◆ What this task involves
The data follows this line. Copy verbatim the line with "# Units and contexts" and each line after it to the end.

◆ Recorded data
****************************************

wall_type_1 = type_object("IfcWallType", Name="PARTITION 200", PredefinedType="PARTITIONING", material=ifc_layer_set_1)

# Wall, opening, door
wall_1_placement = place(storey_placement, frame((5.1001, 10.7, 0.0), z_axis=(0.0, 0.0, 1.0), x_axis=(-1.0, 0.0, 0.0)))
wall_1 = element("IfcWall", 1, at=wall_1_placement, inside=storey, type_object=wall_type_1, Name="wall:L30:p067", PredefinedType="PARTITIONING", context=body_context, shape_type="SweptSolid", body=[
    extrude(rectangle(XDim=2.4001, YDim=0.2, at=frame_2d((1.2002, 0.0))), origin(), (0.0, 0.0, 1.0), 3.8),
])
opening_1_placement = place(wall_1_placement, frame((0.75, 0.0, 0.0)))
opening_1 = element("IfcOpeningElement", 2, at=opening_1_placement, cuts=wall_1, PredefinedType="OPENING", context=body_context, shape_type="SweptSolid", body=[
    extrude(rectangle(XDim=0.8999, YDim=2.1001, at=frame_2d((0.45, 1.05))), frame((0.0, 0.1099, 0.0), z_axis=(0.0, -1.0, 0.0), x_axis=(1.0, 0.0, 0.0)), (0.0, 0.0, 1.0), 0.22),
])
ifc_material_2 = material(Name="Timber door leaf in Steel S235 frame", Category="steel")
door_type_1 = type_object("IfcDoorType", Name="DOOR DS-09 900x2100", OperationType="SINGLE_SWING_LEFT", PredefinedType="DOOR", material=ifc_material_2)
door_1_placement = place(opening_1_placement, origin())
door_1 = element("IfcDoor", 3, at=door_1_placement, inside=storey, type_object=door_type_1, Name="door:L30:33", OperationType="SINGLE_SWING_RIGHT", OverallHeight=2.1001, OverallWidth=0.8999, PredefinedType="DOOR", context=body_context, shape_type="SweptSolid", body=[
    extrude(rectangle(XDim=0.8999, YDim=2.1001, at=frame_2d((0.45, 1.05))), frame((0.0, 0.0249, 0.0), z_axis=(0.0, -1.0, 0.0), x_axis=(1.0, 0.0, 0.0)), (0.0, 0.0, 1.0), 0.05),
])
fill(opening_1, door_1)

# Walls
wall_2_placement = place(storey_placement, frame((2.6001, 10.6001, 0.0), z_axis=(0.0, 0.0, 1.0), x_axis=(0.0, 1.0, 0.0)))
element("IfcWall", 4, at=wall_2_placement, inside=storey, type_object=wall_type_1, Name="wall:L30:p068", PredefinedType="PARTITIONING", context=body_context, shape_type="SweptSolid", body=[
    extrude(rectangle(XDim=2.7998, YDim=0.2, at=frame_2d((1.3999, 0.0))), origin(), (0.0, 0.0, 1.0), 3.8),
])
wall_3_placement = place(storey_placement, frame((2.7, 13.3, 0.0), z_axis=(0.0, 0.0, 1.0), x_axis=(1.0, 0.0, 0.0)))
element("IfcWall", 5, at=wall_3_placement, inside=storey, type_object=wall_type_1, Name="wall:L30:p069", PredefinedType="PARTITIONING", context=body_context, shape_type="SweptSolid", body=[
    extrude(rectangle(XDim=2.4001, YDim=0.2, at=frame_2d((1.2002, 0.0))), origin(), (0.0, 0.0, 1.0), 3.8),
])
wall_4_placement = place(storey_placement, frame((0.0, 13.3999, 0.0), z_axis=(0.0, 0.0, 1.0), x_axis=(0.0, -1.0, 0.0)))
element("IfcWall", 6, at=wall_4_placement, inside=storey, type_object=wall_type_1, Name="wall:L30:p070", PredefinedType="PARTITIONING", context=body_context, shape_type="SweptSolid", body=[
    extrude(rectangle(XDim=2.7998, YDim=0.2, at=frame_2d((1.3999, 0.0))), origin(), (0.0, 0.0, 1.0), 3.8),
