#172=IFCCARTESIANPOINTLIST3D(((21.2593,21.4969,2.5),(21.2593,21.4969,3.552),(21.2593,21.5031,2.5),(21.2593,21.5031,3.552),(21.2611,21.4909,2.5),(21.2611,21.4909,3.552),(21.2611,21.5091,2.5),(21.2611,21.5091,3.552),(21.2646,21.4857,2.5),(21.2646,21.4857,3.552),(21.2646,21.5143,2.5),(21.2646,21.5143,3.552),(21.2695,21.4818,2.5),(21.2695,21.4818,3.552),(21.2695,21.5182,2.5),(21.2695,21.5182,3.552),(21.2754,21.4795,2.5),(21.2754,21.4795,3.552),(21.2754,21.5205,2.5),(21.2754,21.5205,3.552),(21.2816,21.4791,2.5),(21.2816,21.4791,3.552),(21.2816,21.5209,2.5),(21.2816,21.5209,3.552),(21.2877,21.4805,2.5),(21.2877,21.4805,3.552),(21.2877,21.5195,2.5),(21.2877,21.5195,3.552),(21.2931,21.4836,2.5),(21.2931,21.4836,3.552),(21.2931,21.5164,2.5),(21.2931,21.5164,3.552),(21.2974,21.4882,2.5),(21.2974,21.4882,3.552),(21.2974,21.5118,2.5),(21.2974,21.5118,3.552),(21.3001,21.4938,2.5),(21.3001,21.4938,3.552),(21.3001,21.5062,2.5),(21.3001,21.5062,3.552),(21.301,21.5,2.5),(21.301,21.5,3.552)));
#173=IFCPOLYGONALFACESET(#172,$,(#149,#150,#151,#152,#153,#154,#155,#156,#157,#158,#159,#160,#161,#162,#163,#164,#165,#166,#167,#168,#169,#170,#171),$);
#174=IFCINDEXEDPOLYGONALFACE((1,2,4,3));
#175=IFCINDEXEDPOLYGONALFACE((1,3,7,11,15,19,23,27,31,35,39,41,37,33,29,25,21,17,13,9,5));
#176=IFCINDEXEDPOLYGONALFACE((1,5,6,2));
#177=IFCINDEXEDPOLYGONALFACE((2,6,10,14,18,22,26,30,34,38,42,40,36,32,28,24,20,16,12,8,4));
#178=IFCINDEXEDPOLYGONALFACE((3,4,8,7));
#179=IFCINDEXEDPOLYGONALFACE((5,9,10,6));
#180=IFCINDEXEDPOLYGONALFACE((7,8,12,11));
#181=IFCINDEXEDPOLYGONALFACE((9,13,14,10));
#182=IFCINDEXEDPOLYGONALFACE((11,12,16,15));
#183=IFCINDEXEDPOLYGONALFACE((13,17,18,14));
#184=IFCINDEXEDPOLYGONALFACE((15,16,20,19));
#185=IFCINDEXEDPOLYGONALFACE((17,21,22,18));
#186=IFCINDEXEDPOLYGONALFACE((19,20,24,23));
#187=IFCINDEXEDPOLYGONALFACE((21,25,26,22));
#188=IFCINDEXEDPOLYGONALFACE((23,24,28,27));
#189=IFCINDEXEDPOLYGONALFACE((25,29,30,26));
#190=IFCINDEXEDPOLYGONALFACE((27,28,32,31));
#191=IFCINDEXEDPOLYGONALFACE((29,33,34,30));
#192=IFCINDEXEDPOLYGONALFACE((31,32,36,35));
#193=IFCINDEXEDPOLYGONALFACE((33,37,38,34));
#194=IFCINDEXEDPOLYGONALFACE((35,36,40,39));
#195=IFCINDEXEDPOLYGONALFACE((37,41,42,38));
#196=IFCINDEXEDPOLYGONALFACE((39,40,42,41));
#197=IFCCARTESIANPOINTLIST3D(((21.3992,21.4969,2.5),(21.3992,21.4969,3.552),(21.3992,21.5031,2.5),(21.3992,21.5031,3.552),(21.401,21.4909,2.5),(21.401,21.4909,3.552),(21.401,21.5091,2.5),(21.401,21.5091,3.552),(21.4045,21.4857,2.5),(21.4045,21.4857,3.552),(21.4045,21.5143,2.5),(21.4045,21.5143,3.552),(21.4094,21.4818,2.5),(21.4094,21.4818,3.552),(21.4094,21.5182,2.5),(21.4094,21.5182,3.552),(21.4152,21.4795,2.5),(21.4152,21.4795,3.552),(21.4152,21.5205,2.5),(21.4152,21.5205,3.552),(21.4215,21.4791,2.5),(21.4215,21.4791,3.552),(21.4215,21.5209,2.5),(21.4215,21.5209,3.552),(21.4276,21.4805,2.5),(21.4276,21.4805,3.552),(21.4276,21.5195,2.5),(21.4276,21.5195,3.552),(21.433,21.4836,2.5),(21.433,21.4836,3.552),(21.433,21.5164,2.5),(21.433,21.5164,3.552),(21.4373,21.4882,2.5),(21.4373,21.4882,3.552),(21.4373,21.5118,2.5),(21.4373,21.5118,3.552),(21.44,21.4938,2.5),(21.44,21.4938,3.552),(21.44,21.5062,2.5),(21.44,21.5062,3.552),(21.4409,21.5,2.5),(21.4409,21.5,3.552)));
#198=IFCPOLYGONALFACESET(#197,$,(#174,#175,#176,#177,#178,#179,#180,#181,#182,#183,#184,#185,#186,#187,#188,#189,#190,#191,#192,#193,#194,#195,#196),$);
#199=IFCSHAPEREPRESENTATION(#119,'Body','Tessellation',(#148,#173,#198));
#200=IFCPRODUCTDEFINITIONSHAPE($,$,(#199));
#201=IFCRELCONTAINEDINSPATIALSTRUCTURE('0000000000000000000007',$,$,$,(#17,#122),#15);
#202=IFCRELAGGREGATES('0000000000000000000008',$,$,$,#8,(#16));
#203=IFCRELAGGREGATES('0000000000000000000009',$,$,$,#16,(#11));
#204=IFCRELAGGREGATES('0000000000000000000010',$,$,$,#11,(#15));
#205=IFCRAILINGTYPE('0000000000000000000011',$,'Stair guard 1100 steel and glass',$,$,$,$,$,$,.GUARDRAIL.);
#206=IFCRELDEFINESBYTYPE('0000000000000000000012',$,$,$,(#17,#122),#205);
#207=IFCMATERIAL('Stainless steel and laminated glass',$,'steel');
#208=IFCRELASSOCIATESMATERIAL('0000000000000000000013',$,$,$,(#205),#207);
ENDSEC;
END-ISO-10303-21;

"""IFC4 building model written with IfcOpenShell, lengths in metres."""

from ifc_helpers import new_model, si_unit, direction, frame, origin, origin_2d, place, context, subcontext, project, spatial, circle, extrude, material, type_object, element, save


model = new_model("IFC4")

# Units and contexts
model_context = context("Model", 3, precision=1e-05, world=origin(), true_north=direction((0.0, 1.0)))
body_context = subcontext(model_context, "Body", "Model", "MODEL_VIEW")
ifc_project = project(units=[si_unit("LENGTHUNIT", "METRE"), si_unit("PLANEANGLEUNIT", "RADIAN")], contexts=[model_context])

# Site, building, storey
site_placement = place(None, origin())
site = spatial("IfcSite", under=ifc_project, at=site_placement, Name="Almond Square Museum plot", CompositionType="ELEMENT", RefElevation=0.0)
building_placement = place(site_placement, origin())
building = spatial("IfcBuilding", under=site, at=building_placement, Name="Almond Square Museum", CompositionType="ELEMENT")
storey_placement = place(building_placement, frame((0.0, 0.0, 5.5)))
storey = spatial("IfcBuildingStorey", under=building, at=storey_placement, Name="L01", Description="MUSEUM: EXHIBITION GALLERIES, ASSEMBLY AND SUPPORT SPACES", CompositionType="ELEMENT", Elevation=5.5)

****************************************

◆ Task result
# Units and contexts
model_context = context("Model", 3, precision=1e-05, world=origin(), true_north=direction((0.0, 1.0)))
body_context = subcontext(model_context, "Body", "Model", "MODEL_VIEW")
ifc_project = project(units=[si_unit("LENGTHUNIT", "METRE"), si_unit("PLANEANGLEUNIT", "RADIAN")], contexts=[model_context])

# Site, building, storey
site_placement = place(None, origin())
site = spatial("IfcSite", under=ifc_project, at=site_placement, Name="Almond Square Museum plot", CompositionType="ELEMENT", RefElevation=0.0)
building_placement = place(site_placement, origin())
building = spatial("IfcBuilding", under=site, at=building_placement, Name="Almond Square Museum", CompositionType="ELEMENT")
storey_placement = place(building_placement, frame((0.0, 0.0, 5.5)))
storey = spatial("IfcBuildingStorey", under=building, at=storey_placement, Name="L01", Description="MUSEUM: EXHIBITION GALLERIES, ASSEMBLY AND SUPPORT SPACES", CompositionType="ELEMENT", Elevation=5.5)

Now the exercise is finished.